PROBLEM REQUIREMENTS:
Scan the entries below and return each line that contains "IFCSHAPEREPRESENTATION".

INFORMATION SUPPLIED:
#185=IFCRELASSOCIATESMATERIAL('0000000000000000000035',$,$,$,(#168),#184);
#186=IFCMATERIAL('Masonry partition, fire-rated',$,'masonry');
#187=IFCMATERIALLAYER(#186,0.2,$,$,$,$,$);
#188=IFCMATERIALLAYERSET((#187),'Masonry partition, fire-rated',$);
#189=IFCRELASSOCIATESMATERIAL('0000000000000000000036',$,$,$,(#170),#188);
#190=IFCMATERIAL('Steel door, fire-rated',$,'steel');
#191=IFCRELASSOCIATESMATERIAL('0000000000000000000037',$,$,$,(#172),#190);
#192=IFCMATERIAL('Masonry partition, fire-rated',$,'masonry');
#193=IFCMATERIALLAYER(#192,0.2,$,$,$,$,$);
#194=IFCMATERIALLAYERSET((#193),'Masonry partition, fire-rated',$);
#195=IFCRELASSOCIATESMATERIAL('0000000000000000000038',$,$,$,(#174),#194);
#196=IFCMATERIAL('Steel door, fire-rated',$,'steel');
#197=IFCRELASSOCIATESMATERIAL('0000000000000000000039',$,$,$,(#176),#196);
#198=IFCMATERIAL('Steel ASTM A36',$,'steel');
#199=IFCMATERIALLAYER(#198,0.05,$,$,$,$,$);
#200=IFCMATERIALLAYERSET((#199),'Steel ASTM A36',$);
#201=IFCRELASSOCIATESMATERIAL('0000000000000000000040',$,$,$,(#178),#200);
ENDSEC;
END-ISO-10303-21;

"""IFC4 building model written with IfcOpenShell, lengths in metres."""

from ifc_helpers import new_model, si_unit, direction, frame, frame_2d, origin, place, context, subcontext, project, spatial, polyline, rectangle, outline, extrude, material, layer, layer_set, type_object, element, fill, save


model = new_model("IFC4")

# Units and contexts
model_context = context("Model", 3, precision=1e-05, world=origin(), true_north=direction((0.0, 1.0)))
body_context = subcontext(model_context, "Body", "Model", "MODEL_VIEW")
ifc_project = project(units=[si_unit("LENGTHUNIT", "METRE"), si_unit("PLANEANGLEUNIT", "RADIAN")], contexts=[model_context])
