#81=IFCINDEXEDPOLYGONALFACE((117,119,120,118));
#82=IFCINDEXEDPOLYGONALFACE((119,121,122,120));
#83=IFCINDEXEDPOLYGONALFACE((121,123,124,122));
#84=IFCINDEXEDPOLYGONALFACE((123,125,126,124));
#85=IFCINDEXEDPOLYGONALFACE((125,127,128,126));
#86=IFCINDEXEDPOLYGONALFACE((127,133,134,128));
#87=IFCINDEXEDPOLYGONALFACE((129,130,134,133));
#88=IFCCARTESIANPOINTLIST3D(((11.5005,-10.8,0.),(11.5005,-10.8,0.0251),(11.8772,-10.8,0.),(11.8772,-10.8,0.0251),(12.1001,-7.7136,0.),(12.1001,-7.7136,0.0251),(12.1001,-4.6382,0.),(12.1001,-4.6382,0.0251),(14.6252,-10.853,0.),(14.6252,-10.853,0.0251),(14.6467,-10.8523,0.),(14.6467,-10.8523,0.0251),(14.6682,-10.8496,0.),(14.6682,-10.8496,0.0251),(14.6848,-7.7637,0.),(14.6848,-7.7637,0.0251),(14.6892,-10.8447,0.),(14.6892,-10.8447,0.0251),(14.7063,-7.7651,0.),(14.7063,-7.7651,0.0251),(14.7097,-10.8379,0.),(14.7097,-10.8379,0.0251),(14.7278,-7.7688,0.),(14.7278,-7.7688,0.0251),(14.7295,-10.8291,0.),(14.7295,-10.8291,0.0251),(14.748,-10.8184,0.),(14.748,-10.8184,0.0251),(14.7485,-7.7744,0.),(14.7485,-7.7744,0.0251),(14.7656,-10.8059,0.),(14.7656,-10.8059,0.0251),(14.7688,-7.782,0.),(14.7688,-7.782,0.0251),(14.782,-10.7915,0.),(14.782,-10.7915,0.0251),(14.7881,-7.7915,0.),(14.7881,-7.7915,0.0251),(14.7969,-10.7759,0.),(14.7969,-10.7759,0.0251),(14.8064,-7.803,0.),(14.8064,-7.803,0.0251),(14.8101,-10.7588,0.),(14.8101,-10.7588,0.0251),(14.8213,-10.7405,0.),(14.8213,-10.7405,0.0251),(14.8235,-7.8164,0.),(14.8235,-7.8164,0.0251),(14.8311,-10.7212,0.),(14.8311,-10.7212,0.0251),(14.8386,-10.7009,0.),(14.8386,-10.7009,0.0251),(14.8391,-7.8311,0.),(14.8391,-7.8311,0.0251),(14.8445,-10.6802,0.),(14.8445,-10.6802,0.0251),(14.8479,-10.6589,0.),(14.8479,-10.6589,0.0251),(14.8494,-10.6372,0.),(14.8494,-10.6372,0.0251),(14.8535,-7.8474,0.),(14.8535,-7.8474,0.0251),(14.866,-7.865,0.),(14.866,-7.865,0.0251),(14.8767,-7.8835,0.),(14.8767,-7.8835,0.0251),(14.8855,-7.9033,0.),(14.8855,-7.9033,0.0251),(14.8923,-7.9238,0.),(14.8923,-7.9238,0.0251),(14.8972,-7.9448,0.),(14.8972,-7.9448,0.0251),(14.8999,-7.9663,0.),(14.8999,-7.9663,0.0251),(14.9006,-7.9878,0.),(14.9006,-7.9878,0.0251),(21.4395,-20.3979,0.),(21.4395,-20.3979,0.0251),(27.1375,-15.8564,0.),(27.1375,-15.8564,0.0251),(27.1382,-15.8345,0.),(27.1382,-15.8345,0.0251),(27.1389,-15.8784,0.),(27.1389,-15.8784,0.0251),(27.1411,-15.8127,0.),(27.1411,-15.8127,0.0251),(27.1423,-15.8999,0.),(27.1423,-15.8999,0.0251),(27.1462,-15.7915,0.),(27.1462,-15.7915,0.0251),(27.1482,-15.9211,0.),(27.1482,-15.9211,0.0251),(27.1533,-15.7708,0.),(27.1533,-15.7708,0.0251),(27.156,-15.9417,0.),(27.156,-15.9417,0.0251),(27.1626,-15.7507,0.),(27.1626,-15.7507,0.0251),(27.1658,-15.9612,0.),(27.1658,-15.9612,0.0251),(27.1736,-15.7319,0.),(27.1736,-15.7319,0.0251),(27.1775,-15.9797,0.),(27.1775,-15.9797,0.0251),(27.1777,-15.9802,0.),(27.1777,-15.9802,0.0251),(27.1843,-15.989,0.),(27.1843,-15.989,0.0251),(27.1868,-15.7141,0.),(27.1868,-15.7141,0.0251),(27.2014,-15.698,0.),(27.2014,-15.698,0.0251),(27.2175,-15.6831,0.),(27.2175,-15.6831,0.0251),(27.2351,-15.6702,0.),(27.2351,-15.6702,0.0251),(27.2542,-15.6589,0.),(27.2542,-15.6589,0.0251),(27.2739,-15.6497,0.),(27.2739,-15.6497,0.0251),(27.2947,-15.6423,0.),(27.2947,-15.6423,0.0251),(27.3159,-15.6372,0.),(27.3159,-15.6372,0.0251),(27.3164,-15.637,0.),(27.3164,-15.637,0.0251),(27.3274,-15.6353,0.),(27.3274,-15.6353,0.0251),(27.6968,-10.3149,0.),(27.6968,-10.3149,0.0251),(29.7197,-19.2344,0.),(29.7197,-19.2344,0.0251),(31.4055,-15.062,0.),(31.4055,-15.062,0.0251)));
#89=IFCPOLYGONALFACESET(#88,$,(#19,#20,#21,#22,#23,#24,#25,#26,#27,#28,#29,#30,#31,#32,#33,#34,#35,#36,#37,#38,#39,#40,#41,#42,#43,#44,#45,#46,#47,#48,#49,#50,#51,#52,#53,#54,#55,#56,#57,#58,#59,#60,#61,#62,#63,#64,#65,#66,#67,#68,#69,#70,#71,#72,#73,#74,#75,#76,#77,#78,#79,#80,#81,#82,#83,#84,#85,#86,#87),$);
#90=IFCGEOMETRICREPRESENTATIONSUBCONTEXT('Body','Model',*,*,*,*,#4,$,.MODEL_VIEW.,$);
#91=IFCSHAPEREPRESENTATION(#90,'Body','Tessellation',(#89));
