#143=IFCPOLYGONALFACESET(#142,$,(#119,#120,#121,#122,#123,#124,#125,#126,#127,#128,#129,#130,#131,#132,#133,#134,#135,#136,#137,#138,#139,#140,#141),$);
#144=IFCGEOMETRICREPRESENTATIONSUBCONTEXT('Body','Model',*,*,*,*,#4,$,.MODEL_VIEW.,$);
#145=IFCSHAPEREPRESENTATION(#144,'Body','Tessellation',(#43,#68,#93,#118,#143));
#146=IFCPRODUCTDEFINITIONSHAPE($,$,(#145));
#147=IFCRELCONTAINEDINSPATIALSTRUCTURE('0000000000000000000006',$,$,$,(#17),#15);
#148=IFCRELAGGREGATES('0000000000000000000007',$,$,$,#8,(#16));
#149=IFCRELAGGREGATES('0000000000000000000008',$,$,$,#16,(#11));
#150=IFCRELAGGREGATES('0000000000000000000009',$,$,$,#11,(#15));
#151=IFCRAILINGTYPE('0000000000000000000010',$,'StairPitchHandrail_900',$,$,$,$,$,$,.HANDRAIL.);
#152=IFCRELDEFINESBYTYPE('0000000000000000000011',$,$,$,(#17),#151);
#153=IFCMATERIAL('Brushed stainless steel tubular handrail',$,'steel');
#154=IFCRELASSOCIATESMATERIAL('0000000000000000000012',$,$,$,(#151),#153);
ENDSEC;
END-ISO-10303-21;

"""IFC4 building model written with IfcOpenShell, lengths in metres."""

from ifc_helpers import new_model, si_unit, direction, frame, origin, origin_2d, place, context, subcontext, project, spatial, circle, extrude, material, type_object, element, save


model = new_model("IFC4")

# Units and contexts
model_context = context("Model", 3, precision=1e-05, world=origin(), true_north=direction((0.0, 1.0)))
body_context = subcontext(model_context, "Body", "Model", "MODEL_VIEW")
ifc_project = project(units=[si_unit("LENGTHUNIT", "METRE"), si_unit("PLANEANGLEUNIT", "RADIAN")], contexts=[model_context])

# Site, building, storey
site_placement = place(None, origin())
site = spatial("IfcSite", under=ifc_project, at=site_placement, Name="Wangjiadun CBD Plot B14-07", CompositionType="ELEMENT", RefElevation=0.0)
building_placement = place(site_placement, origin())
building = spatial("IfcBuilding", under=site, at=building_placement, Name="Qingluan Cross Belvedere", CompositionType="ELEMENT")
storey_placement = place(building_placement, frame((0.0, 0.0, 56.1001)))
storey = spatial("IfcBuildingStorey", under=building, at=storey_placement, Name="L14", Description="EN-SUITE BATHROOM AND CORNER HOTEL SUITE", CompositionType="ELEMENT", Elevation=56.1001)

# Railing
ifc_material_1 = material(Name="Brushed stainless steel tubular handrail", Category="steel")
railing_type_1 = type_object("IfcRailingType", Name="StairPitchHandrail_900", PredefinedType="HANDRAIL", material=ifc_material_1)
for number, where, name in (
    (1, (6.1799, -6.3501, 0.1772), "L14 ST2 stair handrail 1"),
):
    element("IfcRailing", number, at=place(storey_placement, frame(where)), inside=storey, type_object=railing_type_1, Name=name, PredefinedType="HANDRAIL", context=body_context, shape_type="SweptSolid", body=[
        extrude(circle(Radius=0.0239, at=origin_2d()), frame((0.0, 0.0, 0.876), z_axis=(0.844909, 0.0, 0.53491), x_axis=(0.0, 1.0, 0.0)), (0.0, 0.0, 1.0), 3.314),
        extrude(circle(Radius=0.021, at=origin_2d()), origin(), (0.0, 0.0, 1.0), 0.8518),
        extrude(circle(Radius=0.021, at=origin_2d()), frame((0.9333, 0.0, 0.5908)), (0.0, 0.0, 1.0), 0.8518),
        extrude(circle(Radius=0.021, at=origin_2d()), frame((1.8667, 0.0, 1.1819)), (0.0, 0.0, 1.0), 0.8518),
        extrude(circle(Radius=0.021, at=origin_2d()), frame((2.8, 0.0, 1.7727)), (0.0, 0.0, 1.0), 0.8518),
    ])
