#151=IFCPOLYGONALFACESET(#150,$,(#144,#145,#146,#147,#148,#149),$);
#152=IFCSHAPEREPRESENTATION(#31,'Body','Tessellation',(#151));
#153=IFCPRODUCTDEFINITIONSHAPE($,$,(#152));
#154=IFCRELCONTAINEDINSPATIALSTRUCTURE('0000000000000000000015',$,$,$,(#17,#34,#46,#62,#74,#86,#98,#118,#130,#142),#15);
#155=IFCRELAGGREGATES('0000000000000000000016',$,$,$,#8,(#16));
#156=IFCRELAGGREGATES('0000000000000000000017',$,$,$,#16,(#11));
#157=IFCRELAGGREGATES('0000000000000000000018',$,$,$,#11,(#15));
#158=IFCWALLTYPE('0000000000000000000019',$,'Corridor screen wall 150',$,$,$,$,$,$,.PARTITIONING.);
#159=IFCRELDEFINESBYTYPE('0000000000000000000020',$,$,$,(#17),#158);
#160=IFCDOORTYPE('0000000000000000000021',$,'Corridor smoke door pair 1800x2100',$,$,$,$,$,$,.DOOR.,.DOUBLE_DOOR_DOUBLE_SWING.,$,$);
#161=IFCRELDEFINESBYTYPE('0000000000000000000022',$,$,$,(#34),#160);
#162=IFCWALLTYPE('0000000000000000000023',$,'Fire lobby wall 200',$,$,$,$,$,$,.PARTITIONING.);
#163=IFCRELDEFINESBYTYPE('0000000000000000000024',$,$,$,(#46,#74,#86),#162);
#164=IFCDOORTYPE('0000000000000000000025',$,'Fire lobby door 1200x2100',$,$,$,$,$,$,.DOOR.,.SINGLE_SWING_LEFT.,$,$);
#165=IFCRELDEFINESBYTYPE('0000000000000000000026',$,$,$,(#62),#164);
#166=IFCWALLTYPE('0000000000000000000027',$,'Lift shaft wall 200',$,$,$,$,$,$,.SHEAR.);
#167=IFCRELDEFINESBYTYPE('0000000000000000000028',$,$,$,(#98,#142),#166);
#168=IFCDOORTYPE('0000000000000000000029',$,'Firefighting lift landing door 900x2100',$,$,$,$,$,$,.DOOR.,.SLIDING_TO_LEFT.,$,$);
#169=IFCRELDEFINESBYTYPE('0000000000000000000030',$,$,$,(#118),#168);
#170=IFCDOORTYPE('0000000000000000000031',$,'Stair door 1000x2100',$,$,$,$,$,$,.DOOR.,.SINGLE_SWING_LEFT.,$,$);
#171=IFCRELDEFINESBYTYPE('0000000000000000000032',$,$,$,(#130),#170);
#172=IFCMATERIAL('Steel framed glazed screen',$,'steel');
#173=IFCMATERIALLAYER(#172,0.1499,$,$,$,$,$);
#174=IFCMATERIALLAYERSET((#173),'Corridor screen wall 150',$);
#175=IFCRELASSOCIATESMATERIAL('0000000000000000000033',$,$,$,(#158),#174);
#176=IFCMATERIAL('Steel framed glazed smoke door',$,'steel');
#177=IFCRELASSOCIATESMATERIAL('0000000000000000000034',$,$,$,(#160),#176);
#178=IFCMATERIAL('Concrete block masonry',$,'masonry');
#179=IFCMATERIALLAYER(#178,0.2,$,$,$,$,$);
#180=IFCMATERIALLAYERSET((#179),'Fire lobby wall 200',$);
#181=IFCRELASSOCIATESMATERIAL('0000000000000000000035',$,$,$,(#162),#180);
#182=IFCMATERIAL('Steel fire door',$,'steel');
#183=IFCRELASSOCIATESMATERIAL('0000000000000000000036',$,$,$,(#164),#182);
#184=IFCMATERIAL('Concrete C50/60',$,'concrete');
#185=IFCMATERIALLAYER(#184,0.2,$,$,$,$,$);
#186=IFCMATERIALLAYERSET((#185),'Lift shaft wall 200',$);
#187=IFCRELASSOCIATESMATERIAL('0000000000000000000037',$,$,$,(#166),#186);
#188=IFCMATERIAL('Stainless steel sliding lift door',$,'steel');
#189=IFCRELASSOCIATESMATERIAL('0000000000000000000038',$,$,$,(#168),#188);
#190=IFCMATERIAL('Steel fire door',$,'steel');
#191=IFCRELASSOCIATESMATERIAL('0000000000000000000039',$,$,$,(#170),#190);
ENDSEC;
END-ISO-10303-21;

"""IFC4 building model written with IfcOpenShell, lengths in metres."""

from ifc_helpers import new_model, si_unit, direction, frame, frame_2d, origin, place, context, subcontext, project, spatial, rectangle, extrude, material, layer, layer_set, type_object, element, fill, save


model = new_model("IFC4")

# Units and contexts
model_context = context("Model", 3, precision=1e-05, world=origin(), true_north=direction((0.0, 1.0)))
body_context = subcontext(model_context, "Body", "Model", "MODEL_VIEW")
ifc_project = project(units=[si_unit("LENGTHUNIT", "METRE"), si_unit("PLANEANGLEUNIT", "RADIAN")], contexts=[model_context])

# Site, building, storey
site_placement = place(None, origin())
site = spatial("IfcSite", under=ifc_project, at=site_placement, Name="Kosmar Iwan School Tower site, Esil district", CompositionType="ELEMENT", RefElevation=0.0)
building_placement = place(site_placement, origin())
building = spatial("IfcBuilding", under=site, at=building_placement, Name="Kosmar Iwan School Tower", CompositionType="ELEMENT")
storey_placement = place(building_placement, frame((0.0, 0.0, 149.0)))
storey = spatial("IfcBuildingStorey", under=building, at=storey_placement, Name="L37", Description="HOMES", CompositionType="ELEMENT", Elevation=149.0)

OUTPUT BELOW:
#91=IFCSHAPEREPRESENTATION(#90,'Body','Tessellation',(#89));
#145=IFCSHAPEREPRESENTATION(#144,'Body','Tessellation',(#43,#68,#93,#118,#143));
#152=IFCSHAPEREPRESENTATION(#31,'Body','Tessellation',(#151));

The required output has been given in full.